Stored items:
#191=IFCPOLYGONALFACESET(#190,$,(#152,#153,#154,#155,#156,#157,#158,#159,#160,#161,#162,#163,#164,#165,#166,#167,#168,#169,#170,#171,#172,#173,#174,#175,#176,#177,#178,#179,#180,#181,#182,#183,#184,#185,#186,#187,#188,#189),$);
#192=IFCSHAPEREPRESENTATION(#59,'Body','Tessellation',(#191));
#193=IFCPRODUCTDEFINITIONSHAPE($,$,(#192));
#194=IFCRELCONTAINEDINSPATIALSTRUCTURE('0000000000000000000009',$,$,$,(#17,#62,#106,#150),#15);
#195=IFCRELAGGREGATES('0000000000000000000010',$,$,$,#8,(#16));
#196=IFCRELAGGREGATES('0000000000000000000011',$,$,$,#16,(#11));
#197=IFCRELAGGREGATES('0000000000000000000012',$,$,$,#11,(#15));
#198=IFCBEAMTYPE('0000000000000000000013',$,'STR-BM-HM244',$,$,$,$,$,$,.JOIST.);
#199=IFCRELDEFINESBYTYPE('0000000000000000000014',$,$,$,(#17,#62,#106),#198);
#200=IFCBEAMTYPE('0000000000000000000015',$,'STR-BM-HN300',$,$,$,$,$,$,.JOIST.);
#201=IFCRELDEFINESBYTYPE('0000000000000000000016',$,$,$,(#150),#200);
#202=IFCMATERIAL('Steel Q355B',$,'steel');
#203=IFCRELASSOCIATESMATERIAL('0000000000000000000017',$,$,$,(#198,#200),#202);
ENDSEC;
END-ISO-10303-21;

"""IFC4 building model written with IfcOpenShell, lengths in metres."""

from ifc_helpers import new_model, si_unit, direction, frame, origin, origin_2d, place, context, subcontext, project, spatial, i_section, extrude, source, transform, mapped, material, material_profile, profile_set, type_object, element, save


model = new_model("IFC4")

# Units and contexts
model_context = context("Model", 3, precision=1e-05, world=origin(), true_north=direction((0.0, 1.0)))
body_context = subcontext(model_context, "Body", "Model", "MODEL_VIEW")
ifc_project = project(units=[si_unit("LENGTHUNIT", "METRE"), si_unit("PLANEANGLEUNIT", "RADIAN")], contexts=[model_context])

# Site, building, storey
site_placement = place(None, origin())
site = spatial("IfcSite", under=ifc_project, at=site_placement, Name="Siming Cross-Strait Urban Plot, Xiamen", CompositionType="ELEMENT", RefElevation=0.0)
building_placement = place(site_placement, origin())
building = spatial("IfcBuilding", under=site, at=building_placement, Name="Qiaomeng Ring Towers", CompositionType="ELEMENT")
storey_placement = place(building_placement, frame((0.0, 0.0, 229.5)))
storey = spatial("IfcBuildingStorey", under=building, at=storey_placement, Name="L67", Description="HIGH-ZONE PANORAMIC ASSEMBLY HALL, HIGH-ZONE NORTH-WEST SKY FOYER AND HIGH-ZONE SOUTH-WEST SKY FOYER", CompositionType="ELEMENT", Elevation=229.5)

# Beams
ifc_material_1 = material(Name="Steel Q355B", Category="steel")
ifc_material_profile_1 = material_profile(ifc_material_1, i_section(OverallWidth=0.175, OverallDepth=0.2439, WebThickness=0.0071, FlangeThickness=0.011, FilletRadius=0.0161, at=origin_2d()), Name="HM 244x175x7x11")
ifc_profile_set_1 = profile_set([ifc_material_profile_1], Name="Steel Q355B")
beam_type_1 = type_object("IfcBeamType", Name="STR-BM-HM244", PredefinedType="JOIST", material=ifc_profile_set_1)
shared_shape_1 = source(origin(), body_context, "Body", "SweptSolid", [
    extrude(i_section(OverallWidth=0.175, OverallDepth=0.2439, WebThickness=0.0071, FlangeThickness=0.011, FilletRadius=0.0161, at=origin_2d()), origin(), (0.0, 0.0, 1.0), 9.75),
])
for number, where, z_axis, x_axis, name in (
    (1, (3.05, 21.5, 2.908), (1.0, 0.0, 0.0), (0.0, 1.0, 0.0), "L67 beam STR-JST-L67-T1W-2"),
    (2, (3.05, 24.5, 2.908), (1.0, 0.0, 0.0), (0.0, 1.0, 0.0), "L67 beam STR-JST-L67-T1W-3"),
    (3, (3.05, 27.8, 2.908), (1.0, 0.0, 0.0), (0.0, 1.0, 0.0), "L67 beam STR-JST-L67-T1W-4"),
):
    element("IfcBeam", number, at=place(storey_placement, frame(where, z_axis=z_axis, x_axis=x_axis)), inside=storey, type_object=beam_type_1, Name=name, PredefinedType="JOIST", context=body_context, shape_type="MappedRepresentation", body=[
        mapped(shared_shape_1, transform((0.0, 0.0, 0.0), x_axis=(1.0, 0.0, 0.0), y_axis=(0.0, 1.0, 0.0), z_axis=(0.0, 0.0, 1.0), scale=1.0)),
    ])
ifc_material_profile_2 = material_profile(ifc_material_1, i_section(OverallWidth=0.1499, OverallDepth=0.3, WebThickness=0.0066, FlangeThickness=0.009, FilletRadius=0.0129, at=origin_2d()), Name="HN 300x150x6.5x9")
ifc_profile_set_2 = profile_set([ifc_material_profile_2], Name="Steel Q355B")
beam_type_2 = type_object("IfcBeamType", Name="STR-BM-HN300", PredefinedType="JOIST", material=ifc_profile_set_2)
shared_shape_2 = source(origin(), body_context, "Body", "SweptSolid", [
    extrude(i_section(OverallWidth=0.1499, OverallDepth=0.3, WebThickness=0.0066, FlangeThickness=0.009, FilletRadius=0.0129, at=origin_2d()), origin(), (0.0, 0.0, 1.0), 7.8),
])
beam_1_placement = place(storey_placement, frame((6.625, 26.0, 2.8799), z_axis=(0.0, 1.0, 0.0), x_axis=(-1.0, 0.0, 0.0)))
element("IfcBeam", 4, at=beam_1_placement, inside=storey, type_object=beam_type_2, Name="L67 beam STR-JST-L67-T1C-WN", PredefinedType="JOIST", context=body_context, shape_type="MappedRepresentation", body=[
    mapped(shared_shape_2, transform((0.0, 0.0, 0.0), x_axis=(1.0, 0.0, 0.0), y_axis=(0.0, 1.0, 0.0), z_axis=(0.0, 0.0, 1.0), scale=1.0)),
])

* Task to carry out: The answer must be all the lines above that hold the word "scale".

* Response:
        mapped(shared_shape_1, transform((0.0, 0.0, 0.0), x_axis=(1.0, 0.0, 0.0), y_axis=(0.0, 1.0, 0.0), z_axis=(0.0, 0.0, 1.0), scale=1.0)),
    mapped(shared_shape_2, transform((0.0, 0.0, 0.0), x_axis=(1.0, 0.0, 0.0), y_axis=(0.0, 1.0, 0.0), z_axis=(0.0, 0.0, 1.0), scale=1.0)),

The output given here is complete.